> _What is needed_
Write down every entry once more, exactly as it reads.

> _Data for the task_
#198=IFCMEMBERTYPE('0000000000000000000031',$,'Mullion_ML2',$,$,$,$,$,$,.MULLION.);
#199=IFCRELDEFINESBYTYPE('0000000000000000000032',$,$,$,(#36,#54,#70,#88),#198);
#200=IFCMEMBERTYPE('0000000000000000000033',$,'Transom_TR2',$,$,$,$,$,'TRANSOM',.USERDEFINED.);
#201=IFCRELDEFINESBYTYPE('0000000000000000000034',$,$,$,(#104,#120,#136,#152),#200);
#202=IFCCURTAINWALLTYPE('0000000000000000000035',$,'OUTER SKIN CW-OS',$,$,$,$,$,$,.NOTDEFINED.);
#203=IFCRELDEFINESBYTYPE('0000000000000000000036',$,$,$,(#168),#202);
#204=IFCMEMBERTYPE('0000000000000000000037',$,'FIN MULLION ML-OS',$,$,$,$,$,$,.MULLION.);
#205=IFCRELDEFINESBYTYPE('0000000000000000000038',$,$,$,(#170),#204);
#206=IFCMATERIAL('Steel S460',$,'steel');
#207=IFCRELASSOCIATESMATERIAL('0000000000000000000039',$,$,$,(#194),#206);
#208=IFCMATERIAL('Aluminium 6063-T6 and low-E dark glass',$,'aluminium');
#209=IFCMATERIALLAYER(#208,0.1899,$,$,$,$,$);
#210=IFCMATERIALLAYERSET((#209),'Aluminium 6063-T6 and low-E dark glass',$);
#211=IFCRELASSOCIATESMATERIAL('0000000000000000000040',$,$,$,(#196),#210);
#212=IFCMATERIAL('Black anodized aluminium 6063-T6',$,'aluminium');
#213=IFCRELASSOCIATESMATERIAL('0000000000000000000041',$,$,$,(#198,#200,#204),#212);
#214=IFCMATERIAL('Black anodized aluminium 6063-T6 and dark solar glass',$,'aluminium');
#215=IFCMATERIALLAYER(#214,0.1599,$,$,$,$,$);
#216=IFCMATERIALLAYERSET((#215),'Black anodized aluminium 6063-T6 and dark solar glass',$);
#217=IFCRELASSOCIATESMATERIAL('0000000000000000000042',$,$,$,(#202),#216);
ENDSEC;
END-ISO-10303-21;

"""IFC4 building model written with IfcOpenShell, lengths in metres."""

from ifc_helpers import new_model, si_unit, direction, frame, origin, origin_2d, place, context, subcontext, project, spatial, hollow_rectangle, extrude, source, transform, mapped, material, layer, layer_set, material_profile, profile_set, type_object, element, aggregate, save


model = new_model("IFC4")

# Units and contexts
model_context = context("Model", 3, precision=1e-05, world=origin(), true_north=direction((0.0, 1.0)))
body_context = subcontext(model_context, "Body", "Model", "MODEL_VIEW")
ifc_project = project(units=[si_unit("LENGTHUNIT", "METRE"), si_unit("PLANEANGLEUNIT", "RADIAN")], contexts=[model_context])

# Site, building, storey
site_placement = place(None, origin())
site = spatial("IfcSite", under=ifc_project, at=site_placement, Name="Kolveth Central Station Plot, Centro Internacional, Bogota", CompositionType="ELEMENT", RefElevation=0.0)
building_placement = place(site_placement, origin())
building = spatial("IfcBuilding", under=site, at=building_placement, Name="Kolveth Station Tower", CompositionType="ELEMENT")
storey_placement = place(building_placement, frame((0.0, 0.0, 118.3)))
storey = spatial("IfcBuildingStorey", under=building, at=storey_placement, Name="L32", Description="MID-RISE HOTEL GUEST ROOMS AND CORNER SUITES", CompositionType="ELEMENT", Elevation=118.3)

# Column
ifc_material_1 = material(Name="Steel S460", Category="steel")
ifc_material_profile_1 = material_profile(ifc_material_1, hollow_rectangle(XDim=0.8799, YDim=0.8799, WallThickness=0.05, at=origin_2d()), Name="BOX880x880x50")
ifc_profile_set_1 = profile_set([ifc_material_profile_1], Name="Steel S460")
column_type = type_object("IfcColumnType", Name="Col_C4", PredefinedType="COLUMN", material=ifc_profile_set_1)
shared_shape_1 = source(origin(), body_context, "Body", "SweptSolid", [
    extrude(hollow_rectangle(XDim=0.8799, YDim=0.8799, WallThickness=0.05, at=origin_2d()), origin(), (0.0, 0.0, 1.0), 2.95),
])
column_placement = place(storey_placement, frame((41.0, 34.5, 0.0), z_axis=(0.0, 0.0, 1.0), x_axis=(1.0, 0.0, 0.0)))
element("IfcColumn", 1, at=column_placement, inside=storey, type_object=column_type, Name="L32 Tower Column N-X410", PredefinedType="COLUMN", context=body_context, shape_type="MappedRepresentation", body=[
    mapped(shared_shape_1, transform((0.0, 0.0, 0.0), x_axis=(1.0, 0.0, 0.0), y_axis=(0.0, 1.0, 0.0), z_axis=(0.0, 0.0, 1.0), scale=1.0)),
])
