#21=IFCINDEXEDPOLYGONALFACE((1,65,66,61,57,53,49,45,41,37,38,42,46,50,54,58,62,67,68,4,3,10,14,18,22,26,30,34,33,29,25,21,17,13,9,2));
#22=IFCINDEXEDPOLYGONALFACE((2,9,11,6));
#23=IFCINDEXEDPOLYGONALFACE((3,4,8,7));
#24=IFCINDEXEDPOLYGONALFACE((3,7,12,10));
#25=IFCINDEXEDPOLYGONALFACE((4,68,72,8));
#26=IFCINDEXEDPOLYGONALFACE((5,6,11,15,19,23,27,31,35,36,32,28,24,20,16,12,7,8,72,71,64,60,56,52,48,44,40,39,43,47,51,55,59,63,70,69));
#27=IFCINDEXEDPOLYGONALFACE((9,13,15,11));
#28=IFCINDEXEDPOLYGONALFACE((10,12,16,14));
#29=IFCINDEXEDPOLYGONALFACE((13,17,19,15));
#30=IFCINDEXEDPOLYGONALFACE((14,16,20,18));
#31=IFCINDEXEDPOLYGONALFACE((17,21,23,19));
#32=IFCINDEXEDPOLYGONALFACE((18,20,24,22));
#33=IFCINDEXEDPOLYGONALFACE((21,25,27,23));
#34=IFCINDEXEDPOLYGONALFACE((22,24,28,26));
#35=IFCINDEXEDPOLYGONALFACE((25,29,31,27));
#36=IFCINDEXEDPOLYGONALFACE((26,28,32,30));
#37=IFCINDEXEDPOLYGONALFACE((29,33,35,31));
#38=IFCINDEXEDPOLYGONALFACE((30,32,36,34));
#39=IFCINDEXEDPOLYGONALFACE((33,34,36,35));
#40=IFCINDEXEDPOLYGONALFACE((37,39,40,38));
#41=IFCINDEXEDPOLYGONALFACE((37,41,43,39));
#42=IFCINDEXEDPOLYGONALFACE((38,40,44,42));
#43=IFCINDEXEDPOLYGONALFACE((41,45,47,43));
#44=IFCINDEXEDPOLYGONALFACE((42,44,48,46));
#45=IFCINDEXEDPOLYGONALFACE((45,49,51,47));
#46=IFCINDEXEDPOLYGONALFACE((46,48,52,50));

> _Solution_
#198=IFCMEMBERTYPE('0000000000000000000031',$,'Mullion_ML2',$,$,$,$,$,$,.MULLION.);
#199=IFCRELDEFINESBYTYPE('0000000000000000000032',$,$,$,(#36,#54,#70,#88),#198);
#200=IFCMEMBERTYPE('0000000000000000000033',$,'Transom_TR2',$,$,$,$,$,'TRANSOM',.USERDEFINED.);
#201=IFCRELDEFINESBYTYPE('0000000000000000000034',$,$,$,(#104,#120,#136,#152),#200);
#202=IFCCURTAINWALLTYPE('0000000000000000000035',$,'OUTER SKIN CW-OS',$,$,$,$,$,$,.NOTDEFINED.);
#203=IFCRELDEFINESBYTYPE('0000000000000000000036',$,$,$,(#168),#202);
#204=IFCMEMBERTYPE('0000000000000000000037',$,'FIN MULLION ML-OS',$,$,$,$,$,$,.MULLION.);
#205=IFCRELDEFINESBYTYPE('0000000000000000000038',$,$,$,(#170),#204);
#206=IFCMATERIAL('Steel S460',$,'steel');
#207=IFCRELASSOCIATESMATERIAL('0000000000000000000039',$,$,$,(#194),#206);
#208=IFCMATERIAL('Aluminium 6063-T6 and low-E dark glass',$,'aluminium');
#209=IFCMATERIALLAYER(#208,0.1899,$,$,$,$,$);
#210=IFCMATERIALLAYERSET((#209),'Aluminium 6063-T6 and low-E dark glass',$);
#211=IFCRELASSOCIATESMATERIAL('0000000000000000000040',$,$,$,(#196),#210);
#212=IFCMATERIAL('Black anodized aluminium 6063-T6',$,'aluminium');
#213=IFCRELASSOCIATESMATERIAL('0000000000000000000041',$,$,$,(#198,#200,#204),#212);
#214=IFCMATERIAL('Black anodized aluminium 6063-T6 and dark solar glass',$,'aluminium');
#215=IFCMATERIALLAYER(#214,0.1599,$,$,$,$,$);
#216=IFCMATERIALLAYERSET((#215),'Black anodized aluminium 6063-T6 and dark solar glass',$);
#217=IFCRELASSOCIATESMATERIAL('0000000000000000000042',$,$,$,(#202),#216);
ENDSEC;
END-ISO-10303-21;

"""IFC4 building model written with IfcOpenShell, lengths in metres."""

from ifc_helpers import new_model, si_unit, direction, frame, origin, origin_2d, place, context, subcontext, project, spatial, hollow_rectangle, extrude, source, transform, mapped, material, layer, layer_set, material_profile, profile_set, type_object, element, aggregate, save


model = new_model("IFC4")

# Units and contexts
model_context = context("Model", 3, precision=1e-05, world=origin(), true_north=direction((0.0, 1.0)))
body_context = subcontext(model_context, "Body", "Model", "MODEL_VIEW")
ifc_project = project(units=[si_unit("LENGTHUNIT", "METRE"), si_unit("PLANEANGLEUNIT", "RADIAN")], contexts=[model_context])

# Site, building, storey
site_placement = place(None, origin())
site = spatial("IfcSite", under=ifc_project, at=site_placement, Name="Kolveth Central Station Plot, Centro Internacional, Bogota", CompositionType="ELEMENT", RefElevation=0.0)
building_placement = place(site_placement, origin())
building = spatial("IfcBuilding", under=site, at=building_placement, Name="Kolveth Station Tower", CompositionType="ELEMENT")
storey_placement = place(building_placement, frame((0.0, 0.0, 118.3)))
storey = spatial("IfcBuildingStorey", under=building, at=storey_placement, Name="L32", Description="MID-RISE HOTEL GUEST ROOMS AND CORNER SUITES", CompositionType="ELEMENT", Elevation=118.3)

# Column
ifc_material_1 = material(Name="Steel S460", Category="steel")
ifc_material_profile_1 = material_profile(ifc_material_1, hollow_rectangle(XDim=0.8799, YDim=0.8799, WallThickness=0.05, at=origin_2d()), Name="BOX880x880x50")
ifc_profile_set_1 = profile_set([ifc_material_profile_1], Name="Steel S460")
column_type = type_object("IfcColumnType", Name="Col_C4", PredefinedType="COLUMN", material=ifc_profile_set_1)
shared_shape_1 = source(origin(), body_context, "Body", "SweptSolid", [
    extrude(hollow_rectangle(XDim=0.8799, YDim=0.8799, WallThickness=0.05, at=origin_2d()), origin(), (0.0, 0.0, 1.0), 2.95),
])
column_placement = place(storey_placement, frame((41.0, 34.5, 0.0), z_axis=(0.0, 0.0, 1.0), x_axis=(1.0, 0.0, 0.0)))
element("IfcColumn", 1, at=column_placement, inside=storey, type_object=column_type, Name="L32 Tower Column N-X410", PredefinedType="COLUMN", context=body_context, shape_type="MappedRepresentation", body=[
    mapped(shared_shape_1, transform((0.0, 0.0, 0.0), x_axis=(1.0, 0.0, 0.0), y_axis=(0.0, 1.0, 0.0), z_axis=(0.0, 0.0, 1.0), scale=1.0)),
])
#21=IFCINDEXEDPOLYGONALFACE((1,65,66,61,57,53,49,45,41,37,38,42,46,50,54,58,62,67,68,4,3,10,14,18,22,26,30,34,33,29,25,21,17,13,9,2));
#22=IFCINDEXEDPOLYGONALFACE((2,9,11,6));
#23=IFCINDEXEDPOLYGONALFACE((3,4,8,7));
#24=IFCINDEXEDPOLYGONALFACE((3,7,12,10));
#25=IFCINDEXEDPOLYGONALFACE((4,68,72,8));
#26=IFCINDEXEDPOLYGONALFACE((5,6,11,15,19,23,27,31,35,36,32,28,24,20,16,12,7,8,72,71,64,60,56,52,48,44,40,39,43,47,51,55,59,63,70,69));
#27=IFCINDEXEDPOLYGONALFACE((9,13,15,11));
#28=IFCINDEXEDPOLYGONALFACE((10,12,16,14));
#29=IFCINDEXEDPOLYGONALFACE((13,17,19,15));
#30=IFCINDEXEDPOLYGONALFACE((14,16,20,18));
#31=IFCINDEXEDPOLYGONALFACE((17,21,23,19));
#32=IFCINDEXEDPOLYGONALFACE((18,20,24,22));
#33=IFCINDEXEDPOLYGONALFACE((21,25,27,23));
#34=IFCINDEXEDPOLYGONALFACE((22,24,28,26));
#35=IFCINDEXEDPOLYGONALFACE((25,29,31,27));
#36=IFCINDEXEDPOLYGONALFACE((26,28,32,30));
#37=IFCINDEXEDPOLYGONALFACE((29,33,35,31));
#38=IFCINDEXEDPOLYGONALFACE((30,32,36,34));
#39=IFCINDEXEDPOLYGONALFACE((33,34,36,35));
#40=IFCINDEXEDPOLYGONALFACE((37,39,40,38));
#41=IFCINDEXEDPOLYGONALFACE((37,41,43,39));
#42=IFCINDEXEDPOLYGONALFACE((38,40,44,42));
#43=IFCINDEXEDPOLYGONALFACE((41,45,47,43));
#44=IFCINDEXEDPOLYGONALFACE((42,44,48,46));
#45=IFCINDEXEDPOLYGONALFACE((45,49,51,47));
#46=IFCINDEXEDPOLYGONALFACE((46,48,52,50));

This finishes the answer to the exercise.